-- Task requirements --
Locate, in the data below, the line that contains "#151=IFCLOCALPLACEMENT(#14,#2);" and the line that contains "#158=IFCINDEXEDPOLYGONALFACE((5,8,44,41));"; reproduce exactly those two lines and every line between them, nothing more.

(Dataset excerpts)
----------------

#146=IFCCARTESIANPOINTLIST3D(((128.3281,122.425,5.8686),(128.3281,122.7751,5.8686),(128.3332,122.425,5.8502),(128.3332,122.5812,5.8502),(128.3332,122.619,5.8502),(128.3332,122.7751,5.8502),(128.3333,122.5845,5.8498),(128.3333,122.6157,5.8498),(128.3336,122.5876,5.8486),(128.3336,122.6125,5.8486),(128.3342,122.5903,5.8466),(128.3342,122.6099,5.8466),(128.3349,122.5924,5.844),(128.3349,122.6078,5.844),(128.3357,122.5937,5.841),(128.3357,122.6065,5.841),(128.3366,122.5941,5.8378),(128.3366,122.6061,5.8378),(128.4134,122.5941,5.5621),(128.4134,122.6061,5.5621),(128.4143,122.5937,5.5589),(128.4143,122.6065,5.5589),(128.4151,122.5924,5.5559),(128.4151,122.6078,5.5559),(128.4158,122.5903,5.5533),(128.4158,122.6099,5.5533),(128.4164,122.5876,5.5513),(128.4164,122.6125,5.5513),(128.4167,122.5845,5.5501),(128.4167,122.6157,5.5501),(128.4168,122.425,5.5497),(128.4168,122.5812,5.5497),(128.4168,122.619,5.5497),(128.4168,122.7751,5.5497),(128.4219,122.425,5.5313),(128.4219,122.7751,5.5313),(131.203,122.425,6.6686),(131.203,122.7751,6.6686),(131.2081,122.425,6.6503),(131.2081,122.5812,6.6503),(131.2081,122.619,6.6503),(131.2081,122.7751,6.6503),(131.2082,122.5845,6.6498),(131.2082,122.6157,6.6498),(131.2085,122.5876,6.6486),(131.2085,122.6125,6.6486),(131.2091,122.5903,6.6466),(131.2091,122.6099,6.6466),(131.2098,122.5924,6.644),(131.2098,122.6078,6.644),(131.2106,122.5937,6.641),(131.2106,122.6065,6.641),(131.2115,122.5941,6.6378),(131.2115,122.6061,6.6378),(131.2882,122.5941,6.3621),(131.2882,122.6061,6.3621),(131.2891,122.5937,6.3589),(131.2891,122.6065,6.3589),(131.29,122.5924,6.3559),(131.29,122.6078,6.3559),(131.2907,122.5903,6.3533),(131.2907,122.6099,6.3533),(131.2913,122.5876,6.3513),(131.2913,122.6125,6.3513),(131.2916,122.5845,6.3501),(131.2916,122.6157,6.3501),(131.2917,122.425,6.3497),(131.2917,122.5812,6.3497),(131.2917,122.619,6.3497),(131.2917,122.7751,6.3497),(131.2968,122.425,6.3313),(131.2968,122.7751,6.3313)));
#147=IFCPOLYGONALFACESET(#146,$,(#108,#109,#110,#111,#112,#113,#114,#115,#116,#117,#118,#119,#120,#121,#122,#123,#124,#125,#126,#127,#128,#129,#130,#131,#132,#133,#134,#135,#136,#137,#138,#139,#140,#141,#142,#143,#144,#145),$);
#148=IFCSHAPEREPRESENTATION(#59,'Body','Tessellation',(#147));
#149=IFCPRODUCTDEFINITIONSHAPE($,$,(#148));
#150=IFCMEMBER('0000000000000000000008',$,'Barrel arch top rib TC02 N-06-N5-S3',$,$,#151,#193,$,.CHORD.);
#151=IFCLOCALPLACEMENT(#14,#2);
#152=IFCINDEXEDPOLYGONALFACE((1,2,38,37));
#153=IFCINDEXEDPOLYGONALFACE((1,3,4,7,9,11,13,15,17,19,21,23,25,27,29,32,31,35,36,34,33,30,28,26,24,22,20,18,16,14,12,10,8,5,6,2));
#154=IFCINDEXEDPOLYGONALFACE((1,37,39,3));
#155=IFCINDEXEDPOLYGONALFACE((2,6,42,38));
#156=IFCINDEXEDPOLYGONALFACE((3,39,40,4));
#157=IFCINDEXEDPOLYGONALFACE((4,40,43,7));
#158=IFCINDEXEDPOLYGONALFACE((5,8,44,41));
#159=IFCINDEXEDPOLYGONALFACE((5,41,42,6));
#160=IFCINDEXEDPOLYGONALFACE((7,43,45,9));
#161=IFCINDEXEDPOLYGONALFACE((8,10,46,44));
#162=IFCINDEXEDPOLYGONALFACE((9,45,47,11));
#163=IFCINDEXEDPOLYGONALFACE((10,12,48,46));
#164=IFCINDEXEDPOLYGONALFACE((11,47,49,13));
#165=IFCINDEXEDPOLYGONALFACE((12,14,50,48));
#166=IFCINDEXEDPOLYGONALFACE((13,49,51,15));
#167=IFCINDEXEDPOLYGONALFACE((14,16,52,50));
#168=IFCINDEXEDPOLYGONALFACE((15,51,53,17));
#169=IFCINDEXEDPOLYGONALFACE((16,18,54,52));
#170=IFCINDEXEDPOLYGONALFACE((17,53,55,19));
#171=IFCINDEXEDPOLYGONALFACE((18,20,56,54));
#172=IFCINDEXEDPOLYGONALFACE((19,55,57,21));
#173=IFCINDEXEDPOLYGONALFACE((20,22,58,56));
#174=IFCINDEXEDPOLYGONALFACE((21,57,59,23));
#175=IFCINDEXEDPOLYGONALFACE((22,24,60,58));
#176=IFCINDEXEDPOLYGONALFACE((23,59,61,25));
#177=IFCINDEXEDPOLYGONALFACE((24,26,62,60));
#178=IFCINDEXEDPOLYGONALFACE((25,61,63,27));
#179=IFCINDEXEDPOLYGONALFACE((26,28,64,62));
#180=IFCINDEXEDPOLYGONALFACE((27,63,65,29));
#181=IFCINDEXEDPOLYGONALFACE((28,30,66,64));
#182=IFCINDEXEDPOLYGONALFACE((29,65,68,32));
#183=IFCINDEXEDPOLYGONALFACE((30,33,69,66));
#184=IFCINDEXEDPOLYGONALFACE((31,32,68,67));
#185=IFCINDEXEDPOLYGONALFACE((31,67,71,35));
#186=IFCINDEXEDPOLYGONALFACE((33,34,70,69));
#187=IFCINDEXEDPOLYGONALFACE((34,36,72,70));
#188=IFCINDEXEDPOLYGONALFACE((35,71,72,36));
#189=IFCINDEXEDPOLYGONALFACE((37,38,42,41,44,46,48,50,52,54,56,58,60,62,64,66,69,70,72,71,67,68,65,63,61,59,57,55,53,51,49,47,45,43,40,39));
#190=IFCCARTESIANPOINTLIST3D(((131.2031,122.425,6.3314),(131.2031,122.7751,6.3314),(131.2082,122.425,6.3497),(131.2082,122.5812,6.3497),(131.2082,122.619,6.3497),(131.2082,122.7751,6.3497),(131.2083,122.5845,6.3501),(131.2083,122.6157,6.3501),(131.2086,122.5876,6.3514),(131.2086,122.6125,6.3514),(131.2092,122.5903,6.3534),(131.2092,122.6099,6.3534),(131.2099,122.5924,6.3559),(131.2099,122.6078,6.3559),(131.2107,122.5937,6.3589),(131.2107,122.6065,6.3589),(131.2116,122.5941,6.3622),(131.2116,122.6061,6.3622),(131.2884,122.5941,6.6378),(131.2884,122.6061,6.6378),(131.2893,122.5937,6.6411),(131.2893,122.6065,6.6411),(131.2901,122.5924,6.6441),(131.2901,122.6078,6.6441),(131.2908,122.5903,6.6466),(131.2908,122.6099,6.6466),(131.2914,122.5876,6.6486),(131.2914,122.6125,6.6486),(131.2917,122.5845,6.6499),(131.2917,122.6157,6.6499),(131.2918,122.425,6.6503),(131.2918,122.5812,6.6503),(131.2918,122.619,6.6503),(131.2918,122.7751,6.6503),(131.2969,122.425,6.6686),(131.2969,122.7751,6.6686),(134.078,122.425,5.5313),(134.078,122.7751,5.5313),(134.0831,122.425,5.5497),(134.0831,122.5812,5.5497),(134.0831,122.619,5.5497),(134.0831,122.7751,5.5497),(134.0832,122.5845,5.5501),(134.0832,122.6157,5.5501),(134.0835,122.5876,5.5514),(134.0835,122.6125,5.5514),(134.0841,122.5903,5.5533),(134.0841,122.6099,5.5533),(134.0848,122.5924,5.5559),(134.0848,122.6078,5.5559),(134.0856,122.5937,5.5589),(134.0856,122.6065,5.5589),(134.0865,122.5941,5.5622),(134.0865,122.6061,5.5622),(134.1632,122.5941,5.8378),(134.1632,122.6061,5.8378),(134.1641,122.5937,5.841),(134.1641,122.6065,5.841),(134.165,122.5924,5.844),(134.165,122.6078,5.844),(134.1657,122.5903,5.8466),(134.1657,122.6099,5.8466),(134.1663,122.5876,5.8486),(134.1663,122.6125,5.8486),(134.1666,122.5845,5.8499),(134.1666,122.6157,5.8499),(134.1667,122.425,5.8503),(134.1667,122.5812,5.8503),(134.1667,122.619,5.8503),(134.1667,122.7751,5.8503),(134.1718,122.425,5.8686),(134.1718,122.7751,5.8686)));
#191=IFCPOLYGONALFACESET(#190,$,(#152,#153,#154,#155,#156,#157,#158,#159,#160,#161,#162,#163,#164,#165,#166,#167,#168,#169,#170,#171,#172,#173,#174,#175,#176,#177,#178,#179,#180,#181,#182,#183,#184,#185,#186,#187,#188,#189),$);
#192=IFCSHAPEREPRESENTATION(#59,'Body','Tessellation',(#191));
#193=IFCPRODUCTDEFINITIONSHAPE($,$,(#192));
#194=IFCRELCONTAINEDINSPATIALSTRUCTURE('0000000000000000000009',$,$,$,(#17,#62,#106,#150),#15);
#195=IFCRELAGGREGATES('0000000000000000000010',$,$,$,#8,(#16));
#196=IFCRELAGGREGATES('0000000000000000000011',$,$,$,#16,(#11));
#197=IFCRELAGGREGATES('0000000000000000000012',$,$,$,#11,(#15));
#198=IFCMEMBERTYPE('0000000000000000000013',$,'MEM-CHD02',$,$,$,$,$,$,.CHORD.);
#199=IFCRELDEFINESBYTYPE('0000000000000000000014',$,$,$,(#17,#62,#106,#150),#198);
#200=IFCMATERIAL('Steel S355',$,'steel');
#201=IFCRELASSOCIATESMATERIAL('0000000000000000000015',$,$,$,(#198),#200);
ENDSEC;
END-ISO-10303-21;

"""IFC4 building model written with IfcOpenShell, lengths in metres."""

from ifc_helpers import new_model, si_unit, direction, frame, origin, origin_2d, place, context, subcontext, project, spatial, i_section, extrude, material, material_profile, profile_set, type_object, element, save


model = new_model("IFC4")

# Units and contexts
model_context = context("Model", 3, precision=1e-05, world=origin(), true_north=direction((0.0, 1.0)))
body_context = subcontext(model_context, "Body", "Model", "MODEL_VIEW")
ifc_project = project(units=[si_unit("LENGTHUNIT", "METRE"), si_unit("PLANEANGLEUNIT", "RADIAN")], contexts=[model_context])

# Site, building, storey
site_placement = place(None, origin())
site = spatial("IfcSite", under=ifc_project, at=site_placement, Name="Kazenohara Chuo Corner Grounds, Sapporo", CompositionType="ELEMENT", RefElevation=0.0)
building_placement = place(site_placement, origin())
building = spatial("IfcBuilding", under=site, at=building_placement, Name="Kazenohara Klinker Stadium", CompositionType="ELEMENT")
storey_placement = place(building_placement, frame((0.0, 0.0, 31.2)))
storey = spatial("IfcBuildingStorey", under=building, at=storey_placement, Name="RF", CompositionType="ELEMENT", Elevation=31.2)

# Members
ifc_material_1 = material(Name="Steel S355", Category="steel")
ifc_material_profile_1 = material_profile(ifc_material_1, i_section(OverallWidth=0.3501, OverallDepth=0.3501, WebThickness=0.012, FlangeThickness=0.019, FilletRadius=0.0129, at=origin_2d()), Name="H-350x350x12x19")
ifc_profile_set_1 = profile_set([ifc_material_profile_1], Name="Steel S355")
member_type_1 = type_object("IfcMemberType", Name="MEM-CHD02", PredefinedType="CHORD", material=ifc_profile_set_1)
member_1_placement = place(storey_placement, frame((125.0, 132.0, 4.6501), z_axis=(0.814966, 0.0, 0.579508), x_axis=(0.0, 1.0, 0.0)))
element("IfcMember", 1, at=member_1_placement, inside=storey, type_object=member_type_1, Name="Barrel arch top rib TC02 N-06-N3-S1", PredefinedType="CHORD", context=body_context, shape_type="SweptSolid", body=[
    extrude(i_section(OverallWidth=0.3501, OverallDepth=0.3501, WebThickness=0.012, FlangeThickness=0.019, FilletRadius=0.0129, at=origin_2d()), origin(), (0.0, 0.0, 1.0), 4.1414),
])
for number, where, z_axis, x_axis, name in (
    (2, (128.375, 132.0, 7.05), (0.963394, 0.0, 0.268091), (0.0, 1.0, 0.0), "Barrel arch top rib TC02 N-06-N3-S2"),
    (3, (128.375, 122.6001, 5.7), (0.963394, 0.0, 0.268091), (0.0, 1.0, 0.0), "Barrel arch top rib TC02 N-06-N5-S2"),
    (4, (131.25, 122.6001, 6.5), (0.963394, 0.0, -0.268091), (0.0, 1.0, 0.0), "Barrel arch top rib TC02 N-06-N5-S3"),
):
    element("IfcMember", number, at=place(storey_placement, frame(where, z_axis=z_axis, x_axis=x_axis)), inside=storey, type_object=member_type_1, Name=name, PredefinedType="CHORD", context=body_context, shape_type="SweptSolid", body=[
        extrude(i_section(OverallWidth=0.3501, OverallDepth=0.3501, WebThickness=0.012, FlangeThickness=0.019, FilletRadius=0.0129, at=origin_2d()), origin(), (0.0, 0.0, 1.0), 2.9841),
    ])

----------------

-- Output of the exercise --
#151=IFCLOCALPLACEMENT(#14,#2);
#152=IFCINDEXEDPOLYGONALFACE((1,2,38,37));
#153=IFCINDEXEDPOLYGONALFACE((1,3,4,7,9,11,13,15,17,19,21,23,25,27,29,32,31,35,36,34,33,30,28,26,24,22,20,18,16,14,12,10,8,5,6,2));
#154=IFCINDEXEDPOLYGONALFACE((1,37,39,3));
#155=IFCINDEXEDPOLYGONALFACE((2,6,42,38));
#156=IFCINDEXEDPOLYGONALFACE((3,39,40,4));
#157=IFCINDEXEDPOLYGONALFACE((4,40,43,7));
#158=IFCINDEXEDPOLYGONALFACE((5,8,44,41));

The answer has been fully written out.